## [Data for the task]
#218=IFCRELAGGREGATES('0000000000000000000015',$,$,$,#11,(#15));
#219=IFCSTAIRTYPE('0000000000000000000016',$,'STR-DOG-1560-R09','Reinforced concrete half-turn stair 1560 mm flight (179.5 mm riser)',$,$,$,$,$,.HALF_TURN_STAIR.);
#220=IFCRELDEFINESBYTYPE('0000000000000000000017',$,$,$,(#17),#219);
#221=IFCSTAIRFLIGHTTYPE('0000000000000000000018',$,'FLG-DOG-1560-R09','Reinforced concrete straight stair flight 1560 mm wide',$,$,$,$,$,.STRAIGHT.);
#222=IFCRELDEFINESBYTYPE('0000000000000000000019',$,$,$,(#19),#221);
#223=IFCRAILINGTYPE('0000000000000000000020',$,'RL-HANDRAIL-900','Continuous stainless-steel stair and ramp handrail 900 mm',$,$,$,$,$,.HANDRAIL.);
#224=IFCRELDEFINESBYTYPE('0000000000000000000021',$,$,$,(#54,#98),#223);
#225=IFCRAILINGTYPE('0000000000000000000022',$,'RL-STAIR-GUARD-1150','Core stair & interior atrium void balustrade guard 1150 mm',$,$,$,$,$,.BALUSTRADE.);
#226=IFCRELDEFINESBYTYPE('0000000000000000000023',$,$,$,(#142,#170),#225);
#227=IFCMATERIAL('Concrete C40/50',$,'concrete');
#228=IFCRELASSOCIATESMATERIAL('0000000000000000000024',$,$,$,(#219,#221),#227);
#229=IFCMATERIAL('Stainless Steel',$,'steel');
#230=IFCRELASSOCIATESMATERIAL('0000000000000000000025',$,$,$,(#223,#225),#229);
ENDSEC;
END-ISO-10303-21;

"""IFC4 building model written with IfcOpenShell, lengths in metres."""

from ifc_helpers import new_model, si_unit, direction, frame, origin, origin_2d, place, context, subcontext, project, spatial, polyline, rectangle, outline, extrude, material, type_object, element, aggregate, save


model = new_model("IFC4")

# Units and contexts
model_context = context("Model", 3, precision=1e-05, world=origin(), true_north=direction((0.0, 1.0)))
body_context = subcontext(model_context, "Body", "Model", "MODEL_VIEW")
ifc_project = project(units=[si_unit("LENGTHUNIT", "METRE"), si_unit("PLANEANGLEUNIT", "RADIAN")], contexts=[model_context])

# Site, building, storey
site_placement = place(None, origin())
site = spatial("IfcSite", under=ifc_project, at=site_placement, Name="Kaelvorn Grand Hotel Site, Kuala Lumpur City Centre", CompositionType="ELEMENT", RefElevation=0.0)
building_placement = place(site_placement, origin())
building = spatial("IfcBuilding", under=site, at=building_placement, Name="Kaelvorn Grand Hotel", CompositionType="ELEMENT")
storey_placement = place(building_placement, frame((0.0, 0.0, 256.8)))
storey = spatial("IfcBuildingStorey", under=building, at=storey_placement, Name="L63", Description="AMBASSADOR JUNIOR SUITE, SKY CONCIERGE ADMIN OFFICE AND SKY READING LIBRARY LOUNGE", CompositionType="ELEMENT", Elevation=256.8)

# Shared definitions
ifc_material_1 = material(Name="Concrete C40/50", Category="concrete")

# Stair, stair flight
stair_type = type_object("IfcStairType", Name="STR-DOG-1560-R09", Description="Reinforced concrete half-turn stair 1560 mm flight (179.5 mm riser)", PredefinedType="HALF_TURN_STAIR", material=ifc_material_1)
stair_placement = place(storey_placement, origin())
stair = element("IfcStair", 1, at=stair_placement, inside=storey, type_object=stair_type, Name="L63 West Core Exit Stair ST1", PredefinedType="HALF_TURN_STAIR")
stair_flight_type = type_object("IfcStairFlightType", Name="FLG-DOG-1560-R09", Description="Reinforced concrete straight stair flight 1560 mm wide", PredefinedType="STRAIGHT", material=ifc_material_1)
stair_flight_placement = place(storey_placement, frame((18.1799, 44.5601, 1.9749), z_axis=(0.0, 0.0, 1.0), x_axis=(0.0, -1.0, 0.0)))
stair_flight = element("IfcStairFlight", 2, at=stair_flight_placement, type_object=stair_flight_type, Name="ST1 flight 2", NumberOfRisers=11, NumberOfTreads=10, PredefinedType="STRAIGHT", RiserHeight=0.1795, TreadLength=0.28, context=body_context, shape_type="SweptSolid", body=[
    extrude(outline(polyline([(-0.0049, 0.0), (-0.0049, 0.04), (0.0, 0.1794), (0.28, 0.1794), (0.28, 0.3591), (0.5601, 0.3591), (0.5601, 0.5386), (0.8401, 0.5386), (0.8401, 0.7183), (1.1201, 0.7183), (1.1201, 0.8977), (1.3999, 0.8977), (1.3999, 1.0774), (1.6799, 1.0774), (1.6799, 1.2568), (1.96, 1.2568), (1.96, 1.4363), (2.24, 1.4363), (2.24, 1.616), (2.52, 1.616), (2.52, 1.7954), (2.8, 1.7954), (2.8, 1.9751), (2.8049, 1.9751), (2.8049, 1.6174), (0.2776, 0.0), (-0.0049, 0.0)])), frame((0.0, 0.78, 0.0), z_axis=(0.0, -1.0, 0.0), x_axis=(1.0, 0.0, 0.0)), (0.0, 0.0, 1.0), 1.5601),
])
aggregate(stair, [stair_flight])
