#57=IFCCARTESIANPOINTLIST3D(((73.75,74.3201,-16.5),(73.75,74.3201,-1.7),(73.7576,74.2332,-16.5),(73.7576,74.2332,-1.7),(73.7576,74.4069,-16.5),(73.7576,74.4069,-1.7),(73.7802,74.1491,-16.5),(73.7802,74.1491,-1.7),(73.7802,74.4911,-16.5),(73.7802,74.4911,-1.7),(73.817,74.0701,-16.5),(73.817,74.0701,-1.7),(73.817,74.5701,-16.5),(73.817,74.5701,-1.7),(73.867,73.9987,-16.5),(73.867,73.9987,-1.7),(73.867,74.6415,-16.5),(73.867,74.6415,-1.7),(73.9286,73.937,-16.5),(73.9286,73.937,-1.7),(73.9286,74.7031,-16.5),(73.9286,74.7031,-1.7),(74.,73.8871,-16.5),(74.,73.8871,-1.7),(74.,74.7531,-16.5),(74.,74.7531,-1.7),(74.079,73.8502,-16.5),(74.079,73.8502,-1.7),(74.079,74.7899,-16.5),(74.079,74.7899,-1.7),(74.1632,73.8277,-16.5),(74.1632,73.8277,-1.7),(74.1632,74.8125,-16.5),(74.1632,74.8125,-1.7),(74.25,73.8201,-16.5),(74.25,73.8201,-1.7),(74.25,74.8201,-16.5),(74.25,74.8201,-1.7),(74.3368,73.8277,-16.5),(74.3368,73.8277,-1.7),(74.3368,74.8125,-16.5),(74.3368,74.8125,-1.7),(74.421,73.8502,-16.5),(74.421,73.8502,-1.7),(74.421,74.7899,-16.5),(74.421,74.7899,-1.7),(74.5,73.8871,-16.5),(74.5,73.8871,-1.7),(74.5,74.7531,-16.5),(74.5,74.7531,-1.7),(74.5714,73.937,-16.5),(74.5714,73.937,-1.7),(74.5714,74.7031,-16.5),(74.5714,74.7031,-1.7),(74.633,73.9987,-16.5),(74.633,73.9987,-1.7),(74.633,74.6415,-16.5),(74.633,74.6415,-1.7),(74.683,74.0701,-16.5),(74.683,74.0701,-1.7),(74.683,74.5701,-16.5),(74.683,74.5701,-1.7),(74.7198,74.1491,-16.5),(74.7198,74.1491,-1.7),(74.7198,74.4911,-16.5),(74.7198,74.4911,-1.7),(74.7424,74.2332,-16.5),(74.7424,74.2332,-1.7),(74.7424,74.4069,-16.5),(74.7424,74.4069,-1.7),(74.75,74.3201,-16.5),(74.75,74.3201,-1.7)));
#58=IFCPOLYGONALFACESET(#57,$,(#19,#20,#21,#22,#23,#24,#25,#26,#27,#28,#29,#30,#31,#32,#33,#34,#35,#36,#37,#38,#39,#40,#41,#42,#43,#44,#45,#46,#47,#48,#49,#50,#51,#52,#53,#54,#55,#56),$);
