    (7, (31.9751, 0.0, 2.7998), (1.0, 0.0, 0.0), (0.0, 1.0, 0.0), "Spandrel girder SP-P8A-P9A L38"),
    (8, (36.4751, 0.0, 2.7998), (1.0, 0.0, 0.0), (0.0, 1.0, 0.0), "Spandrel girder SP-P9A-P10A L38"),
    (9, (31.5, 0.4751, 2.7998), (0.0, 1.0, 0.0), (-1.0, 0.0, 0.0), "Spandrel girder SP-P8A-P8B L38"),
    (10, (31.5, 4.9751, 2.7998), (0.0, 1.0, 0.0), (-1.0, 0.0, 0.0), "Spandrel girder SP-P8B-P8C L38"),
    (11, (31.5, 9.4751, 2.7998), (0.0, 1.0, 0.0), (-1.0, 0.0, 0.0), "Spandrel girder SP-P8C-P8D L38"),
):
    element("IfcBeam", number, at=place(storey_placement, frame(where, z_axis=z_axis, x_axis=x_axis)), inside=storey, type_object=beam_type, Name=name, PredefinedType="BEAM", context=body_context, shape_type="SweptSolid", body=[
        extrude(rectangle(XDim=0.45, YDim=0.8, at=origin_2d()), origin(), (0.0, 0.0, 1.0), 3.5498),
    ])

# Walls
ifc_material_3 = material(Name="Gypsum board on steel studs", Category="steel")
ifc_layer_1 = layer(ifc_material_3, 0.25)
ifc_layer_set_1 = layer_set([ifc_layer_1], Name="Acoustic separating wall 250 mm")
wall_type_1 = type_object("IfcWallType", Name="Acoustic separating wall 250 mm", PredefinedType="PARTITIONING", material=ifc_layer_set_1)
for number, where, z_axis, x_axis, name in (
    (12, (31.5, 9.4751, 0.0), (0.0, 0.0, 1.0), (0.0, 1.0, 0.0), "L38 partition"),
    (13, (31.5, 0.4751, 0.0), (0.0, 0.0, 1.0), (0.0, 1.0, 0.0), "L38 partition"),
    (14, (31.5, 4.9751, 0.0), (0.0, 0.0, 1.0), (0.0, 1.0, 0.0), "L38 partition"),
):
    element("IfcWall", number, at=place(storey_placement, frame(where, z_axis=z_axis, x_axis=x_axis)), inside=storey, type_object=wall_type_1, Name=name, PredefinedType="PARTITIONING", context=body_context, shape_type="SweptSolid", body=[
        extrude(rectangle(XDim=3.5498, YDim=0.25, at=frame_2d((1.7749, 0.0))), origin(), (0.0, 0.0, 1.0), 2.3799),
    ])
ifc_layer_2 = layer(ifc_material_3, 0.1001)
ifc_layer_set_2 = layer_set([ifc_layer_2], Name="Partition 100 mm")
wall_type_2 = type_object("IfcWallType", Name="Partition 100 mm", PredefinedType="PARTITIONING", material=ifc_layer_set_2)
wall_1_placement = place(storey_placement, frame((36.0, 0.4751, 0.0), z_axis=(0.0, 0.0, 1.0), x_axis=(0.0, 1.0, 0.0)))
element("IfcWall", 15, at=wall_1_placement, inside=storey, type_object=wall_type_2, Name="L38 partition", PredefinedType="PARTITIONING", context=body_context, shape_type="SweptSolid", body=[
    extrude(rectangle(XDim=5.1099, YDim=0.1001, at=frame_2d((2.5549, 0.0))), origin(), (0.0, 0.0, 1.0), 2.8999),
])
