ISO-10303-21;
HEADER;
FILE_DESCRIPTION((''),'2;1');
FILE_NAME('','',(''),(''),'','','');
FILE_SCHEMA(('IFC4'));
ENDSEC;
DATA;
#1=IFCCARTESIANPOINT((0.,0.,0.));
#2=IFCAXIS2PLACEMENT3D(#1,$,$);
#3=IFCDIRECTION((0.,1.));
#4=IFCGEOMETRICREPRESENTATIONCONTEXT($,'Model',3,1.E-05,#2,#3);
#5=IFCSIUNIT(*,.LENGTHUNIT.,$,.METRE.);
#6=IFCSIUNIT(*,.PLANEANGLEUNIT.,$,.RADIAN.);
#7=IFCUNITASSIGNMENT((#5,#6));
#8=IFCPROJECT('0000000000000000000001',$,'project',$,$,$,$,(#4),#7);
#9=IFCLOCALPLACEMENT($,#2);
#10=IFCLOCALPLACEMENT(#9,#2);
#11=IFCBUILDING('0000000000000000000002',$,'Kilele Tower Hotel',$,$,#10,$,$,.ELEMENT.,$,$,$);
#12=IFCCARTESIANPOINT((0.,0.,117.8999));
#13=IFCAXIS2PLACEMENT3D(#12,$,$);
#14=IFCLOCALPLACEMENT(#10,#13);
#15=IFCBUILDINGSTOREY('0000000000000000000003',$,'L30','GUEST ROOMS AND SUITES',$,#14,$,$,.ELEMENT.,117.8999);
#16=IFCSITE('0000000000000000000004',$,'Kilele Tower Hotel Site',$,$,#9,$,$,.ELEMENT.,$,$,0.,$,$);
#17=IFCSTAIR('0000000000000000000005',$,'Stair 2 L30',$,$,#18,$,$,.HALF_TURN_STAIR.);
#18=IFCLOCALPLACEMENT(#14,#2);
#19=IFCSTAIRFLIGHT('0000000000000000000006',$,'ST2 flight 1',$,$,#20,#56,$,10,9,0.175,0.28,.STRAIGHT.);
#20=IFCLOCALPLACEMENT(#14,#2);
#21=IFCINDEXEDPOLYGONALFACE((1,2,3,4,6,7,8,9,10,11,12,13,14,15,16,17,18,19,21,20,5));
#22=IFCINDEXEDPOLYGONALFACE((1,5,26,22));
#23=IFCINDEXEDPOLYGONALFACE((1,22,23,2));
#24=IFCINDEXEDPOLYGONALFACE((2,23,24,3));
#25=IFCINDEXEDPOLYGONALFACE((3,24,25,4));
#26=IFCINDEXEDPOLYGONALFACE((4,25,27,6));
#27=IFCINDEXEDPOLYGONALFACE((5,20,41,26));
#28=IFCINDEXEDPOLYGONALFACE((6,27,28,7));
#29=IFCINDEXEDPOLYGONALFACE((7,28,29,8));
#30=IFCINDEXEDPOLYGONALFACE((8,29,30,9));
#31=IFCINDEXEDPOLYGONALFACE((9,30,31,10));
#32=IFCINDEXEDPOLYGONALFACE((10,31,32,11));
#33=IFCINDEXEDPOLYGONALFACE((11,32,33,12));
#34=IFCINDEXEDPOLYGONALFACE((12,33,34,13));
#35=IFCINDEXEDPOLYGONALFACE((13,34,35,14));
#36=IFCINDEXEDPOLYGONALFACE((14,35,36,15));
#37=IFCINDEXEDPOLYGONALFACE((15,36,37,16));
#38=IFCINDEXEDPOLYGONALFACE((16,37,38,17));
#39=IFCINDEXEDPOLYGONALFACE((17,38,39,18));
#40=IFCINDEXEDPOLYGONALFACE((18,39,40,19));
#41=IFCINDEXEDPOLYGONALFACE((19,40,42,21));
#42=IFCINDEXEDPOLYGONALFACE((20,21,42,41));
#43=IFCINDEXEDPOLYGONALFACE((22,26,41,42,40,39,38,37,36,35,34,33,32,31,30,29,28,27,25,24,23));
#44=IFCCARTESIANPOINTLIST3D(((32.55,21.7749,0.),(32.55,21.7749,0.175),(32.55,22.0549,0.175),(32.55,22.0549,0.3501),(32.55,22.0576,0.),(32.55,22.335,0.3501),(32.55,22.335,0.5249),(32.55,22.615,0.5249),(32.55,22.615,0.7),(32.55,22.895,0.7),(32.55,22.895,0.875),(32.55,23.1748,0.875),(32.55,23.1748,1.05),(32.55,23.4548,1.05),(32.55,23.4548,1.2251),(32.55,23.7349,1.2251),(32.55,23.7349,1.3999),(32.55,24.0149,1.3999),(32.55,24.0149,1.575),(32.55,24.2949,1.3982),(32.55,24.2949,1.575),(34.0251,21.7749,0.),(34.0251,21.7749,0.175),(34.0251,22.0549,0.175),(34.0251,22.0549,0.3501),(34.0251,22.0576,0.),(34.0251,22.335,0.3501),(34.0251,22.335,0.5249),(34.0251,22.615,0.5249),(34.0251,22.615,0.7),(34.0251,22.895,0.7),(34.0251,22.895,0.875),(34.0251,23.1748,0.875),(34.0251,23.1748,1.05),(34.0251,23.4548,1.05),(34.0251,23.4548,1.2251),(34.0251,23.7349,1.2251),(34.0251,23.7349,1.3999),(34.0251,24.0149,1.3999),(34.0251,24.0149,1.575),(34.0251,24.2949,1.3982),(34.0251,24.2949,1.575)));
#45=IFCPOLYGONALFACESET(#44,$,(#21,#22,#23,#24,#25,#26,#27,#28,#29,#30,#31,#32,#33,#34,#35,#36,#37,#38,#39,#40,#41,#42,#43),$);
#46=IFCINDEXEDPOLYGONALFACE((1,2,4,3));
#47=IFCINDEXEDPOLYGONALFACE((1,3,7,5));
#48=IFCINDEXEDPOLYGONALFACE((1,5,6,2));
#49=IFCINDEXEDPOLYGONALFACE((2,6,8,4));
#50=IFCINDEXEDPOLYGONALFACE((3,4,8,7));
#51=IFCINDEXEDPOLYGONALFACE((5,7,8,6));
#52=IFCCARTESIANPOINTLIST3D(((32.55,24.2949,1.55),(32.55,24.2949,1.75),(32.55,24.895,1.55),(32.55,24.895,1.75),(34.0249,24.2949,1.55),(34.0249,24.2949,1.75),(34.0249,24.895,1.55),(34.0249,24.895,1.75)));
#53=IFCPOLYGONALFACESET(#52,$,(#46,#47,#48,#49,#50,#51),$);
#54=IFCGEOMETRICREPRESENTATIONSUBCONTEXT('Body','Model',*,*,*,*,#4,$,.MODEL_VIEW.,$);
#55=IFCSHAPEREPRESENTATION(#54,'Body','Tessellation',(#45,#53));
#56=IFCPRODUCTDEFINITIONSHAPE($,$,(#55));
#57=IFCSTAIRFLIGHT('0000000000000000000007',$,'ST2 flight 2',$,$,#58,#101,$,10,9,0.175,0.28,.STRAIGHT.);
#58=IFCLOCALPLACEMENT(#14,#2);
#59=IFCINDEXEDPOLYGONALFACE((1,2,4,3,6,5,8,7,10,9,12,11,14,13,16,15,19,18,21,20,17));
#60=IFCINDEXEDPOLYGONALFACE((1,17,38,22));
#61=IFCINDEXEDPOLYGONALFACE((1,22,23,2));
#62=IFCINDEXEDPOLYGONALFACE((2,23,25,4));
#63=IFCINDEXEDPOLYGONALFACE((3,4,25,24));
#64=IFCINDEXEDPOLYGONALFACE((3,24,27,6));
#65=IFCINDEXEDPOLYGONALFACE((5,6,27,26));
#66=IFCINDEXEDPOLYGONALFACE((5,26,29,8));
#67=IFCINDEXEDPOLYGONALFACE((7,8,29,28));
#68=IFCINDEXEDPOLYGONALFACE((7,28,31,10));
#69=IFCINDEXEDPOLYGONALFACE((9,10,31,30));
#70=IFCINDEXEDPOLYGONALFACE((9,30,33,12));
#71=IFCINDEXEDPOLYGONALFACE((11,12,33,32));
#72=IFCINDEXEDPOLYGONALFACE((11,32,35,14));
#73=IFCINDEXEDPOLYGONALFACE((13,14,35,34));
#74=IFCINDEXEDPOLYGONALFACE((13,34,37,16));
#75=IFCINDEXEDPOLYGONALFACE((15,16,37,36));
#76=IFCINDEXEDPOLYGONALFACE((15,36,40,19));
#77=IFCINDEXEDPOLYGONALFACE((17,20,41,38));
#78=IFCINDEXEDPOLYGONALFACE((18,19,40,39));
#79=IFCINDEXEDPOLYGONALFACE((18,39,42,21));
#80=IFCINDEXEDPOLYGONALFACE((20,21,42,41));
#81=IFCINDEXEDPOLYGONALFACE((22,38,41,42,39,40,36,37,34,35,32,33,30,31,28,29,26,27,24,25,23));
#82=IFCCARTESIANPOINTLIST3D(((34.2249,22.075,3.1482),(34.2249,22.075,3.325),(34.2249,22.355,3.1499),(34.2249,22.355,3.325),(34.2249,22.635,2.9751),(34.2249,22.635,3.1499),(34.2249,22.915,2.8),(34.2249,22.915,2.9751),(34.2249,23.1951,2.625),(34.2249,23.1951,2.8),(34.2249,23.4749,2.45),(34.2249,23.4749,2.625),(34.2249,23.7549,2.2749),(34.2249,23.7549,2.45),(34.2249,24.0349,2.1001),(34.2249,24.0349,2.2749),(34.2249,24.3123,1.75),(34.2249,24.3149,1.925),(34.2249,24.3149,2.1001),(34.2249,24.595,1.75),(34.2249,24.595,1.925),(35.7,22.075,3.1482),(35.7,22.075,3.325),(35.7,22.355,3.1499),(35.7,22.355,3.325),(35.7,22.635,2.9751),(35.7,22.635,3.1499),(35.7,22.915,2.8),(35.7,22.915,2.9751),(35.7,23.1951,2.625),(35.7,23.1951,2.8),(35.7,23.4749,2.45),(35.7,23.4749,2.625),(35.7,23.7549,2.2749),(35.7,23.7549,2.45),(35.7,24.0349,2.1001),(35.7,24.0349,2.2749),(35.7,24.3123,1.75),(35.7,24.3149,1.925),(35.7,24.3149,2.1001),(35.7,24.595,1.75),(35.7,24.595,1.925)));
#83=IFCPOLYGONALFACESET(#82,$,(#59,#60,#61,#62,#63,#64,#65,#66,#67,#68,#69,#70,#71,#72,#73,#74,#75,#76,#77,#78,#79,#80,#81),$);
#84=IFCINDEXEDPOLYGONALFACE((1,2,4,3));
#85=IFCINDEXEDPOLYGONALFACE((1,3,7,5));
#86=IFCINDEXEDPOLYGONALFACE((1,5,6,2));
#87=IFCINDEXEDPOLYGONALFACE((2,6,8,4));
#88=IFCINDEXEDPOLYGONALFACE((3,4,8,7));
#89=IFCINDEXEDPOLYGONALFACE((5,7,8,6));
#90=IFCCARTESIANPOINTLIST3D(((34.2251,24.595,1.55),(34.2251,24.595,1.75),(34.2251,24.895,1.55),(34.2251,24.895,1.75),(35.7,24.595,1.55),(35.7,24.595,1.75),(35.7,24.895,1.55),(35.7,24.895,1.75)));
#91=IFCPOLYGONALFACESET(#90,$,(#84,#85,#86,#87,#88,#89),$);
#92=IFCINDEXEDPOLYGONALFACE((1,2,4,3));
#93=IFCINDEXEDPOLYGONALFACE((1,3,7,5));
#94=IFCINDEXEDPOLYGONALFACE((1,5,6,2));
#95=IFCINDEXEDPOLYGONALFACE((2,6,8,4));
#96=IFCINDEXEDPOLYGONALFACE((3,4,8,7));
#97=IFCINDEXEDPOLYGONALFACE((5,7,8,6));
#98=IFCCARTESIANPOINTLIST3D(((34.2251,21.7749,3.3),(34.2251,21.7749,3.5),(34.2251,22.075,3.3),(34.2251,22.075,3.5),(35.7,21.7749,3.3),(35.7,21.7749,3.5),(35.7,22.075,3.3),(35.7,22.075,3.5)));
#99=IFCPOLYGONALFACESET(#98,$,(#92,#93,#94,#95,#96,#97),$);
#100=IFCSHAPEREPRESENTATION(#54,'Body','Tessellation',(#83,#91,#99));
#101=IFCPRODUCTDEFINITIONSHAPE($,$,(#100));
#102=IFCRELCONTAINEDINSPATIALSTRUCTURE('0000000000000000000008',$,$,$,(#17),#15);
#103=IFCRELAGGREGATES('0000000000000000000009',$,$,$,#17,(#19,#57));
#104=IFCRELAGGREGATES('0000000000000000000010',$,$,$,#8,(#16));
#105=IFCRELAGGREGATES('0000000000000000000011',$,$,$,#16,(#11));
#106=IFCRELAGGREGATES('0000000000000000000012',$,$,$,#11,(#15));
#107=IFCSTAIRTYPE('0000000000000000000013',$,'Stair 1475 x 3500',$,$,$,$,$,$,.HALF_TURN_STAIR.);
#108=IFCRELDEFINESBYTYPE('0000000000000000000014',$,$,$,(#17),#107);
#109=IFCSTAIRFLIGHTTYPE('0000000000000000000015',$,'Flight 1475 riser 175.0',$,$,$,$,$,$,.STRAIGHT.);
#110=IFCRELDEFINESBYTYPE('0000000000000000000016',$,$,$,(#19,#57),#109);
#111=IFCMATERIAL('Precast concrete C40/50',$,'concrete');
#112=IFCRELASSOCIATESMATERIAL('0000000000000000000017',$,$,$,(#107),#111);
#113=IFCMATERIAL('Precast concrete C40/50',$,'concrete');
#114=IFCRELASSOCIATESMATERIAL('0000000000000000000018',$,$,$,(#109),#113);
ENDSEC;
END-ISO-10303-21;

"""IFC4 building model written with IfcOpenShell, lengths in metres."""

from ifc_helpers import new_model, si_unit, direction, frame, origin, place, context, subcontext, project, spatial, polyline, outline, extrude, material, type_object, element, aggregate, save


model = new_model("IFC4")

# Units and contexts
model_context = context("Model", 3, precision=1e-05, world=origin(), true_north=direction((0.0, 1.0)))
body_context = subcontext(model_context, "Body", "Model", "MODEL_VIEW")
ifc_project = project(units=[si_unit("LENGTHUNIT", "METRE"), si_unit("PLANEANGLEUNIT", "RADIAN")], contexts=[model_context])

# Site, building, storey
site_placement = place(None, origin())
site = spatial("IfcSite", under=ifc_project, at=site_placement, Name="Kilele Tower Hotel Site", CompositionType="ELEMENT", RefElevation=0.0)
building_placement = place(site_placement, origin())
building = spatial("IfcBuilding", under=site, at=building_placement, Name="Kilele Tower Hotel", CompositionType="ELEMENT")
storey_placement = place(building_placement, frame((0.0, 0.0, 117.8999)))
storey = spatial("IfcBuildingStorey", under=building, at=storey_placement, Name="L30", Description="GUEST ROOMS AND SUITES", CompositionType="ELEMENT", Elevation=117.8999)

# Stair, stair flights
ifc_material_1 = material(Name="Precast concrete C40/50", Category="concrete")
stair_type = type_object("IfcStairType", Name="Stair 1475 x 3500", PredefinedType="HALF_TURN_STAIR", material=ifc_material_1)
stair_placement = place(storey_placement, origin())
stair = element("IfcStair", 1, at=stair_placement, inside=storey, type_object=stair_type, Name="Stair 2 L30", PredefinedType="HALF_TURN_STAIR")
ifc_material_2 = material(Name="Precast concrete C40/50", Category="concrete")
stair_flight_type = type_object("IfcStairFlightType", Name="Flight 1475 riser 175.0", PredefinedType="STRAIGHT", material=ifc_material_2)
stair_flight_1_placement = place(storey_placement, frame((33.2876, 21.7749, 0.0), z_axis=(0.0, 0.0, 1.0), x_axis=(0.0, 1.0, 0.0)))
stair_flight_1 = element("IfcStairFlight", 2, at=stair_flight_1_placement, type_object=stair_flight_type, Name="ST2 flight 1", NumberOfRisers=10, NumberOfTreads=9, PredefinedType="STRAIGHT", RiserHeight=0.175, TreadLength=0.28, context=body_context, shape_type="SweptSolid", body=[
    extrude(outline(polyline([(0.0, 0.0), (0.0, 0.175), (0.28, 0.175), (0.28, 0.3501), (0.5601, 0.3501), (0.5601, 0.5249), (0.8401, 0.5249), (0.8401, 0.7), (1.1201, 0.7), (1.1201, 0.875), (1.3999, 0.875), (1.3999, 1.05), (1.6799, 1.05), (1.6799, 1.2251), (1.96, 1.2251), (1.96, 1.3999), (2.24, 1.3999), (2.24, 1.575), (2.52, 1.575), (2.52, 1.75), (2.52, 1.3982), (0.2827, 0.0), (0.0, 0.0)])), frame((0.0, 0.7375, 0.0), z_axis=(0.0, -1.0, 0.0), x_axis=(1.0, 0.0, 0.0)), (0.0, 0.0, 1.0), 1.4751),
    extrude(outline(polyline([(2.52, 0.7375), (2.52, -0.7373), (3.1201, -0.7373), (3.1201, 0.7375), (2.52, 0.7375)])), frame((0.0, 0.0, 1.55)), (0.0, 0.0, 1.0), 0.2),
])
stair_flight_2_placement = place(storey_placement, frame((34.9624, 24.595, 1.75), z_axis=(0.0, 0.0, 1.0), x_axis=(0.0, -1.0, 0.0)))
stair_flight_2 = element("IfcStairFlight", 3, at=stair_flight_2_placement, type_object=stair_flight_type, Name="ST2 flight 2", NumberOfRisers=10, NumberOfTreads=9, PredefinedType="STRAIGHT", RiserHeight=0.175, TreadLength=0.28, context=body_context, shape_type="SweptSolid", body=[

## [Your objective]
Every line above that holds the string "IFCSIUNIT" should be returned.

## [Answer for the task]
#5=IFCSIUNIT(*,.LENGTHUNIT.,$,.METRE.);
#6=IFCSIUNIT(*,.PLANEANGLEUNIT.,$,.RADIAN.);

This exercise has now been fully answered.